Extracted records
"""

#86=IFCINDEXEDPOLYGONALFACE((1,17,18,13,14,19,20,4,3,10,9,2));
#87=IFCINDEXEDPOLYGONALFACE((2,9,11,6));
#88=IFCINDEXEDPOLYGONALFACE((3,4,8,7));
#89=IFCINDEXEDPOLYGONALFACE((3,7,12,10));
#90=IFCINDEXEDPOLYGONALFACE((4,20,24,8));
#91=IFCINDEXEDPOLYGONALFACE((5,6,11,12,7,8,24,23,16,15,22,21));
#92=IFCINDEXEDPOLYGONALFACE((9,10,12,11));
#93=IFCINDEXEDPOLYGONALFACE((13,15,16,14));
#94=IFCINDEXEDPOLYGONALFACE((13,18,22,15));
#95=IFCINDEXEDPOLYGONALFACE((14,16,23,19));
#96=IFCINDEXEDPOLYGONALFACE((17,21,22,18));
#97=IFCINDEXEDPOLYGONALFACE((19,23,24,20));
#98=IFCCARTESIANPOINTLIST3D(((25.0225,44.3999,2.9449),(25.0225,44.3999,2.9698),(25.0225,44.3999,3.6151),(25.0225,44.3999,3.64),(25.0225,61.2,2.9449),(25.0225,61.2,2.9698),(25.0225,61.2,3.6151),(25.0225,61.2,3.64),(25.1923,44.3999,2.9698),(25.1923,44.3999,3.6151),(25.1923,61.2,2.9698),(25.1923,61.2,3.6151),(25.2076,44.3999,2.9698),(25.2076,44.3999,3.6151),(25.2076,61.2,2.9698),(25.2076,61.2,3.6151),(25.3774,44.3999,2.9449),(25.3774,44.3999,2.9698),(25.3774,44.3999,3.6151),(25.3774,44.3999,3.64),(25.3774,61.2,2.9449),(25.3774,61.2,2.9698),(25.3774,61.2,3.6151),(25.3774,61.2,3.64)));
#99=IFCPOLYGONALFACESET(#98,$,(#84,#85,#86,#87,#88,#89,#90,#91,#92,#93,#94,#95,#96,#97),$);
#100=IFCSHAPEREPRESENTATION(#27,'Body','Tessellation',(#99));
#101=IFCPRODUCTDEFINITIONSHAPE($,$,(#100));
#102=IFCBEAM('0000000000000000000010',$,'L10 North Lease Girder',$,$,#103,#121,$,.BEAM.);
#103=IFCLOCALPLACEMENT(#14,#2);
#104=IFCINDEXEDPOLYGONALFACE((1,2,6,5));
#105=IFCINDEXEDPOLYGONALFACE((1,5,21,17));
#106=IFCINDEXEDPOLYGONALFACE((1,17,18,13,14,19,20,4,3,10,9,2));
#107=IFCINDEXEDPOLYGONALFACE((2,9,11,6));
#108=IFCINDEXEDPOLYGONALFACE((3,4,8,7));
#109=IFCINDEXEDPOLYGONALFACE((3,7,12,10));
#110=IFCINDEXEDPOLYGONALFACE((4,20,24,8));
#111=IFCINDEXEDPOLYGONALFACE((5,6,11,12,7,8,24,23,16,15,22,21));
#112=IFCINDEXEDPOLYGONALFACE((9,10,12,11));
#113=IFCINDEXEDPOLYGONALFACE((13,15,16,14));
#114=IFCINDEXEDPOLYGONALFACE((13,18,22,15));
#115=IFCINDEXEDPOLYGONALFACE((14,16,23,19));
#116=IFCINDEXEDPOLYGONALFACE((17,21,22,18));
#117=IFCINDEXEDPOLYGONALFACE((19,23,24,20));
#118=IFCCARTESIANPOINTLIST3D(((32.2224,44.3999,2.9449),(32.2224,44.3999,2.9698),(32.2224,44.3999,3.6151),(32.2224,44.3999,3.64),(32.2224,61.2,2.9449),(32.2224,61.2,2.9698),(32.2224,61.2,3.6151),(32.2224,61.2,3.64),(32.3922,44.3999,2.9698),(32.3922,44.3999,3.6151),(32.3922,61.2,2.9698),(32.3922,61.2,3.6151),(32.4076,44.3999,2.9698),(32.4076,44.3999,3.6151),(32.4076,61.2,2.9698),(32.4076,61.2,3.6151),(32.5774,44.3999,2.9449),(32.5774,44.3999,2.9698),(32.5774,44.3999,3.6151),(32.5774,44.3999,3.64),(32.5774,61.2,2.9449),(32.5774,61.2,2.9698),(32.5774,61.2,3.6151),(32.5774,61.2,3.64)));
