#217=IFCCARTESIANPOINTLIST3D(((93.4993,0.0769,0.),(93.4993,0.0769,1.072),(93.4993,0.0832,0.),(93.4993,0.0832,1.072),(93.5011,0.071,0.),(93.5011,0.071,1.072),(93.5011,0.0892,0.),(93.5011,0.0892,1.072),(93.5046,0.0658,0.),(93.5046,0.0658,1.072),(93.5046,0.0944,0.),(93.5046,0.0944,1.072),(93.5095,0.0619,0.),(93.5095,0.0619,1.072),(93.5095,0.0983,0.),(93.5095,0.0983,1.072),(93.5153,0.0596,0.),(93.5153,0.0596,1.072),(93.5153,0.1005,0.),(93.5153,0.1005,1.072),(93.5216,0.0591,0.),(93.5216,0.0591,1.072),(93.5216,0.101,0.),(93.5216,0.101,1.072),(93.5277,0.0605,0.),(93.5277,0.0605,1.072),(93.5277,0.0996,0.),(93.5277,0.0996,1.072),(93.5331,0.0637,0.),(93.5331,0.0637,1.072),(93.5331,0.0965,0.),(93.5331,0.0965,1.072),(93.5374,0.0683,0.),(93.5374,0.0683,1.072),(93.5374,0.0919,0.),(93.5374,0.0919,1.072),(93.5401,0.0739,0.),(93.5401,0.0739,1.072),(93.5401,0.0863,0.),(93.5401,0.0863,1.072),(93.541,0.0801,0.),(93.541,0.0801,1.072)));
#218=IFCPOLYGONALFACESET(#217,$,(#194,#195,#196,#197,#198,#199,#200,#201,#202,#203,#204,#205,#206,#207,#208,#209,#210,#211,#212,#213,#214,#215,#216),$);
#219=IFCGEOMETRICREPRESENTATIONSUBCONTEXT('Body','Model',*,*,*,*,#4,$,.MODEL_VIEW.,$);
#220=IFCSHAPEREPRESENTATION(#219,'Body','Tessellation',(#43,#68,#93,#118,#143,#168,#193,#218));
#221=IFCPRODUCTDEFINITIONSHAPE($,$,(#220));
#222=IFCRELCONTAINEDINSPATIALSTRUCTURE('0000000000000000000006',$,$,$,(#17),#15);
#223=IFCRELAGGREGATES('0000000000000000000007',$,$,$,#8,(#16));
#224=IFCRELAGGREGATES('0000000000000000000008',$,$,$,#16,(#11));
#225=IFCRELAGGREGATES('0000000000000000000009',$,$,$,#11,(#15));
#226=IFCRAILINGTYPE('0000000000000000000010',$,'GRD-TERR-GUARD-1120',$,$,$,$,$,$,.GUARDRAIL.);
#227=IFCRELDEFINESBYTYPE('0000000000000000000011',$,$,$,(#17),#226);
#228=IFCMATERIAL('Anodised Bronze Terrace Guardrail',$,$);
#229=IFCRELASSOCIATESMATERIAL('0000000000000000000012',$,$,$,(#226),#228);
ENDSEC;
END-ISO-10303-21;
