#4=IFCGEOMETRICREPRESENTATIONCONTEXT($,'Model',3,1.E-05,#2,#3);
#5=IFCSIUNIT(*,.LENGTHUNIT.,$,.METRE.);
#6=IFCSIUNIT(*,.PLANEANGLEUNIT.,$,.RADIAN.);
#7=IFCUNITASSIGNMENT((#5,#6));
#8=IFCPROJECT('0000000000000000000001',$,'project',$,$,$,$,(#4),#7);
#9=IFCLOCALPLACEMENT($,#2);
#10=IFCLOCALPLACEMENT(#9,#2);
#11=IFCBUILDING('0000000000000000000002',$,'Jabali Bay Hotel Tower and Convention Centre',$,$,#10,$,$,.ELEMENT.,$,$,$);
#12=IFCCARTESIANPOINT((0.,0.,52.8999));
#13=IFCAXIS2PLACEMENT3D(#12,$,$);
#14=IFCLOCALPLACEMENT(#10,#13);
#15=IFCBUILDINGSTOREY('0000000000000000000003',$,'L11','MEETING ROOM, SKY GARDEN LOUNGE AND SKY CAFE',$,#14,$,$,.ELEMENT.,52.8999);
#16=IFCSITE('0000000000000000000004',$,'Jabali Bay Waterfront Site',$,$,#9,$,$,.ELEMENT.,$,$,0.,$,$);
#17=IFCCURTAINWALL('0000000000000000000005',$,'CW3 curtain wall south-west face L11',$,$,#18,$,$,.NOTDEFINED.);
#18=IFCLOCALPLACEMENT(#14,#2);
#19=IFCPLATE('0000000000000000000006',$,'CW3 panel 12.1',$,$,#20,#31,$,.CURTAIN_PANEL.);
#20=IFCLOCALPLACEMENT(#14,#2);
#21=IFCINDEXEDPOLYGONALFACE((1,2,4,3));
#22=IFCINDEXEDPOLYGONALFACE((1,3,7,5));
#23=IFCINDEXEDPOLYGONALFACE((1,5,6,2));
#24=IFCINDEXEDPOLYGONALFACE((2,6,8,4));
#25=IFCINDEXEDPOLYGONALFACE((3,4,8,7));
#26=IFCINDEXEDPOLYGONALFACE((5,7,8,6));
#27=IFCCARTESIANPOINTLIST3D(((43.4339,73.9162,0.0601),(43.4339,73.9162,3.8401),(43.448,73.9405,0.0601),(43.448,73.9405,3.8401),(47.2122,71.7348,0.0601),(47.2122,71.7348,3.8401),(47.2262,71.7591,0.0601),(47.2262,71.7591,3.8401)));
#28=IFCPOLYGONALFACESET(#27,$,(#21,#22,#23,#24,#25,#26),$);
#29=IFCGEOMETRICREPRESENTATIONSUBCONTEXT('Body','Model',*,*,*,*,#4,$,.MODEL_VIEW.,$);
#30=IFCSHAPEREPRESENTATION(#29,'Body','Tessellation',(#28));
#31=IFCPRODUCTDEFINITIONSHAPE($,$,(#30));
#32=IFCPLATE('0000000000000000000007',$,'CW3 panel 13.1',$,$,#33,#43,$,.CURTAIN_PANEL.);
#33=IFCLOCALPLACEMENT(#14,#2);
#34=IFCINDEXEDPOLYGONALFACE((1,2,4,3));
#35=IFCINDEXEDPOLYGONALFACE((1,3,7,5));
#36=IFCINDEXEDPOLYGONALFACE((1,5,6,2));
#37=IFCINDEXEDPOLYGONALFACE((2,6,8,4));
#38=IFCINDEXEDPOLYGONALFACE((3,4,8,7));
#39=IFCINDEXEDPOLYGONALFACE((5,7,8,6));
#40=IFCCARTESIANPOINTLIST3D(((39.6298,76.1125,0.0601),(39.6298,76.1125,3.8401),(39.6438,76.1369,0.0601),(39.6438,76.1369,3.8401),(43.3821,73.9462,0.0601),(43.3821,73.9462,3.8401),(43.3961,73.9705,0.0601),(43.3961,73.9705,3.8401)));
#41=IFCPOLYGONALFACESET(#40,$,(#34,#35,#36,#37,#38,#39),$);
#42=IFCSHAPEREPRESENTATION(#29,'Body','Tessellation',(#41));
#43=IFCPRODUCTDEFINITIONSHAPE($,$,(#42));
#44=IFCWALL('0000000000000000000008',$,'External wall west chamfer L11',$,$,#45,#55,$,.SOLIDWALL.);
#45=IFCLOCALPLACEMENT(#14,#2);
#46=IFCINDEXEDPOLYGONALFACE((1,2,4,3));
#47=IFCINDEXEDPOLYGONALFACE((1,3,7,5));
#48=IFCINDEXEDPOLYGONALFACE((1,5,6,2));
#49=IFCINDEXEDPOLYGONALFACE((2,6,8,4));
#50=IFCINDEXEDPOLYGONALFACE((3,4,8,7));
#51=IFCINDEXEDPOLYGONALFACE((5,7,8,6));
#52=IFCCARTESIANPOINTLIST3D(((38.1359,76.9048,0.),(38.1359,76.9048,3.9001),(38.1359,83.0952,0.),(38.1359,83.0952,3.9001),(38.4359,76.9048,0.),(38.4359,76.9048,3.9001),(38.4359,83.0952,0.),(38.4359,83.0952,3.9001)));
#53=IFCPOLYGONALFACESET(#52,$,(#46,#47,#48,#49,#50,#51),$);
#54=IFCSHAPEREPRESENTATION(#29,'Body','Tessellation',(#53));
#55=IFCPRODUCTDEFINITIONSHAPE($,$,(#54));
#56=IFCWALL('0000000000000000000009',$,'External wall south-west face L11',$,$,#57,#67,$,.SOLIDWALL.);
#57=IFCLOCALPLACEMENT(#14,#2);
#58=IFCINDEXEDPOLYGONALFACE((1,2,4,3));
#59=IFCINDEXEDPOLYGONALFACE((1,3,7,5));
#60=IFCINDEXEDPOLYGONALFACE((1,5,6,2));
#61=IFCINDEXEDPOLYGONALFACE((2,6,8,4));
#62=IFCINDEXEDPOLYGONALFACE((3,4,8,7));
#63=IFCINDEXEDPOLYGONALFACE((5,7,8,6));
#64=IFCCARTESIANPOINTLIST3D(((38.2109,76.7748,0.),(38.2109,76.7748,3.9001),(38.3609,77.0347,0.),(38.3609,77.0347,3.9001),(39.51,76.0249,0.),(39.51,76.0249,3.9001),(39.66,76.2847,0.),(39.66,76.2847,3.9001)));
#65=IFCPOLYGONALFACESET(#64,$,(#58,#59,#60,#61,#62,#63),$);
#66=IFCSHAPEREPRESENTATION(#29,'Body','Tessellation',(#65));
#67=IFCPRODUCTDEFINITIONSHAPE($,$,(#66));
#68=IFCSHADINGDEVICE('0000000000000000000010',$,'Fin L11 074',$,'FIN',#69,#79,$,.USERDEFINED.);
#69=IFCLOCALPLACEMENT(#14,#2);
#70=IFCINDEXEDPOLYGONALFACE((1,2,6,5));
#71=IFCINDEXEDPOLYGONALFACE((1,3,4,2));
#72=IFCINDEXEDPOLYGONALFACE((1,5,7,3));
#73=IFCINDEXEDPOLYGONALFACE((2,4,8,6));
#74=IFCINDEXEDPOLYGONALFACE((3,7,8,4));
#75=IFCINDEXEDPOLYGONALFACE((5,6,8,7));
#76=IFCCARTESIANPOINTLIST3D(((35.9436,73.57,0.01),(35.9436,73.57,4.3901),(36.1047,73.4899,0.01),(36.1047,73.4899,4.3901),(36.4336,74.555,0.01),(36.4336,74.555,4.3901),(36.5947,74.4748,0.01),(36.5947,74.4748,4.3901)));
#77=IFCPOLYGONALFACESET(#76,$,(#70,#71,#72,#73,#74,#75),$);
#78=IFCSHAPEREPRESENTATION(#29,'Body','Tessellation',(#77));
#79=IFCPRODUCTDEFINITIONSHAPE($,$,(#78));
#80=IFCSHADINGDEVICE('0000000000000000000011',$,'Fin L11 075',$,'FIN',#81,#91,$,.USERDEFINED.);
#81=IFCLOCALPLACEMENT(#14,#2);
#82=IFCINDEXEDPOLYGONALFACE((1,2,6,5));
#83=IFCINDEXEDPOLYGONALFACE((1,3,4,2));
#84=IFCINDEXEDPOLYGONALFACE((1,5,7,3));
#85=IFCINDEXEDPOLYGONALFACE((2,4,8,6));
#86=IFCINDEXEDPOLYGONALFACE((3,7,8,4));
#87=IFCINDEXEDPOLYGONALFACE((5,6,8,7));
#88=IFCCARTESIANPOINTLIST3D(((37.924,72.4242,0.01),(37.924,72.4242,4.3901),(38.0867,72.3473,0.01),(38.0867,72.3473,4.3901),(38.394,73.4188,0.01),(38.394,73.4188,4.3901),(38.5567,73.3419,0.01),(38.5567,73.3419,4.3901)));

"""

▶ Try it:
Beginning with the line that contains "#82=IFCINDEXEDPOLYGONALFACE((1,2,6,5));", restate word for word each line through the last one in the data, and write nothing more.

▶ Expected output:
#82=IFCINDEXEDPOLYGONALFACE((1,2,6,5));
#83=IFCINDEXEDPOLYGONALFACE((1,3,4,2));
#84=IFCINDEXEDPOLYGONALFACE((1,5,7,3));
#85=IFCINDEXEDPOLYGONALFACE((2,4,8,6));
#86=IFCINDEXEDPOLYGONALFACE((3,7,8,4));
#87=IFCINDEXEDPOLYGONALFACE((5,6,8,7));
#88=IFCCARTESIANPOINTLIST3D(((37.924,72.4242,0.01),(37.924,72.4242,4.3901),(38.0867,72.3473,0.01),(38.0867,72.3473,4.3901),(38.394,73.4188,0.01),(38.394,73.4188,4.3901),(38.5567,73.3419,0.01),(38.5567,73.3419,4.3901)));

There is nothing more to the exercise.